----- Recorded information
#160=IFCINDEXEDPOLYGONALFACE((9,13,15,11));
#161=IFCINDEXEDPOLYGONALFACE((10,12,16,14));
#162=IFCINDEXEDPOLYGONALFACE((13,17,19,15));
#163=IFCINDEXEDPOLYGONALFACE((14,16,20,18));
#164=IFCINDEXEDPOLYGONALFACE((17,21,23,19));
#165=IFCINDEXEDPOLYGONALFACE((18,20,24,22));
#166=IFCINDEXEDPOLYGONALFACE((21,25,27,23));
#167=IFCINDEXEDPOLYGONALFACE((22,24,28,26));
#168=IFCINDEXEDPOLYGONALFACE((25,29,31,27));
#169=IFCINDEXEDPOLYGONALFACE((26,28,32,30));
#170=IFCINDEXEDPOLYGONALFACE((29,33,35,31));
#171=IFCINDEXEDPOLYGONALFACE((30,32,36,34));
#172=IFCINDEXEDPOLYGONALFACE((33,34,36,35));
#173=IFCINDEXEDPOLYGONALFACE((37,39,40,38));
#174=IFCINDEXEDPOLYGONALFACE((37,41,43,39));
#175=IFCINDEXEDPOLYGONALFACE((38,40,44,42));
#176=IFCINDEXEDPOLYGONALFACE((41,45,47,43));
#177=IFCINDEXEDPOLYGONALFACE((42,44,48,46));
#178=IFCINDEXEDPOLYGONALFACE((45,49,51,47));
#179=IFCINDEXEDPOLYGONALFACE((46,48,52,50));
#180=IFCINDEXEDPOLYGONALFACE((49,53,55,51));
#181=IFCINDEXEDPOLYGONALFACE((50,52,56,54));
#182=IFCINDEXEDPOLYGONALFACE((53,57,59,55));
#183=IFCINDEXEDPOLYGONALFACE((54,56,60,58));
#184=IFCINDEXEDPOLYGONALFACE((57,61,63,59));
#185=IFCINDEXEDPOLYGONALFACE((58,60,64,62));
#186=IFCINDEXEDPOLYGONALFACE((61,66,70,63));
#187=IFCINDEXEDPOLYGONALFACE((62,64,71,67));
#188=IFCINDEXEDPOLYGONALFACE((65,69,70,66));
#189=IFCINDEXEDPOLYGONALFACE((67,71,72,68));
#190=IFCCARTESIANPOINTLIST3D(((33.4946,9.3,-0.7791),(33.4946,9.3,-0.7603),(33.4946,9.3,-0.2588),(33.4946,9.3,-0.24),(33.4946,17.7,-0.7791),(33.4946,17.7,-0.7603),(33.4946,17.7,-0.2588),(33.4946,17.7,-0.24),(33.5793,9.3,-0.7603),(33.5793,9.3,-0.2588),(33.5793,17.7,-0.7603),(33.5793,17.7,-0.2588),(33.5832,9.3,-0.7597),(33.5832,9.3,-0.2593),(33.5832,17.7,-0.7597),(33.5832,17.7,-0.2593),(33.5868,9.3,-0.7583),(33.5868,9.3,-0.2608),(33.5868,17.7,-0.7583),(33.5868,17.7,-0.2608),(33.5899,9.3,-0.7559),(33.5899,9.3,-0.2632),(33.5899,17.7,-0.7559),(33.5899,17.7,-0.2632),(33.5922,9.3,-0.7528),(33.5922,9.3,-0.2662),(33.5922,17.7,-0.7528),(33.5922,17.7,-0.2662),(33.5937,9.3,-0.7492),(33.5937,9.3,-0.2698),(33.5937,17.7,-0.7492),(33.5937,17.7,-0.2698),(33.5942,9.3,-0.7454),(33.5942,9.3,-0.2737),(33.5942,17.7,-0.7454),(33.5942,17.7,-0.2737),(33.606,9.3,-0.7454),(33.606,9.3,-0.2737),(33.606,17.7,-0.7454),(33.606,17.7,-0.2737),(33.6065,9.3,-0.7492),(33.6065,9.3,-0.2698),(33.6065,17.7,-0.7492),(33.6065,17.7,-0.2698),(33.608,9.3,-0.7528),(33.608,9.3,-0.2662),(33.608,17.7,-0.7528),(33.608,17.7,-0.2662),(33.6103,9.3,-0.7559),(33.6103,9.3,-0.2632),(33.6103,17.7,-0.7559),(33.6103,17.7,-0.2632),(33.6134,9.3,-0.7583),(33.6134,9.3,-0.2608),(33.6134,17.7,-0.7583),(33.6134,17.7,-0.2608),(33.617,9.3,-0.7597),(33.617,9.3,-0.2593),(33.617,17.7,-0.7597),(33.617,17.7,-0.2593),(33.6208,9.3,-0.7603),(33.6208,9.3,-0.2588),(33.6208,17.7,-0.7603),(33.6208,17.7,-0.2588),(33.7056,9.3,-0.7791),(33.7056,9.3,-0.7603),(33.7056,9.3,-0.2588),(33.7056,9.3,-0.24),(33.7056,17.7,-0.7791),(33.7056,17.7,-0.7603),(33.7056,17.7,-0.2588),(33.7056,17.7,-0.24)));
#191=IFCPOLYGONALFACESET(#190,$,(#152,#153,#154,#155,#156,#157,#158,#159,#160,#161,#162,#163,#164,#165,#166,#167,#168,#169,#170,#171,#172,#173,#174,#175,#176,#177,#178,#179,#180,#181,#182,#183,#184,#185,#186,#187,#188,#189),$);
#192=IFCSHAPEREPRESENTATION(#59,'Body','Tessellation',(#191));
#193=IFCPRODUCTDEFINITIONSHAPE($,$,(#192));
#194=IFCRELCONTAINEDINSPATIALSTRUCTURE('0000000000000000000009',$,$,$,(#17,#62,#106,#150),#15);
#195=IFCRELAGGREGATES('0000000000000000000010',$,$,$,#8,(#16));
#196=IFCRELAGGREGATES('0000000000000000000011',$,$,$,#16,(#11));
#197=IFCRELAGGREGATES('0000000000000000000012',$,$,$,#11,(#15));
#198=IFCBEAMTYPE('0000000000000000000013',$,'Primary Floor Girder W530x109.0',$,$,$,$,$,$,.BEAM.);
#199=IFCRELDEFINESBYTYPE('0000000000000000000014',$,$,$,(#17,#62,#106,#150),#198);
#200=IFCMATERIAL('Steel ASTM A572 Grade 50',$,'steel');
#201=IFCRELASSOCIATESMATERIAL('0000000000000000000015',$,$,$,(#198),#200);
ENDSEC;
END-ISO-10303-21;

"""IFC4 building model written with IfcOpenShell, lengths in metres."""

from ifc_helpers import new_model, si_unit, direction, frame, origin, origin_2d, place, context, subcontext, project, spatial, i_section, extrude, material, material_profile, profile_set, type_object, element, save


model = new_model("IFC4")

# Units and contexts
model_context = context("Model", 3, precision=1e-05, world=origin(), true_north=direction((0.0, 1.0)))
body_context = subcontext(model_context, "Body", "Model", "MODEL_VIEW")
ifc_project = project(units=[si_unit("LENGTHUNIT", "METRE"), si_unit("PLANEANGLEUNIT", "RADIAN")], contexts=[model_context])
----------
• **What this task involves**
All lines above from the line with "#162=IFCINDEXEDPOLYGONALFACE((13,17,19,15));" through the line with "#171=IFCINDEXEDPOLYGONALFACE((30,32,36,34));", both included, are to be set down exactly, with nothing else.

• **Task output**
#162=IFCINDEXEDPOLYGONALFACE((13,17,19,15));
#163=IFCINDEXEDPOLYGONALFACE((14,16,20,18));
#164=IFCINDEXEDPOLYGONALFACE((17,21,23,19));
#165=IFCINDEXEDPOLYGONALFACE((18,20,24,22));
#166=IFCINDEXEDPOLYGONALFACE((21,25,27,23));
#167=IFCINDEXEDPOLYGONALFACE((22,24,28,26));
#168=IFCINDEXEDPOLYGONALFACE((25,29,31,27));
#169=IFCINDEXEDPOLYGONALFACE((26,28,32,30));
#170=IFCINDEXEDPOLYGONALFACE((29,33,35,31));
#171=IFCINDEXEDPOLYGONALFACE((30,32,36,34));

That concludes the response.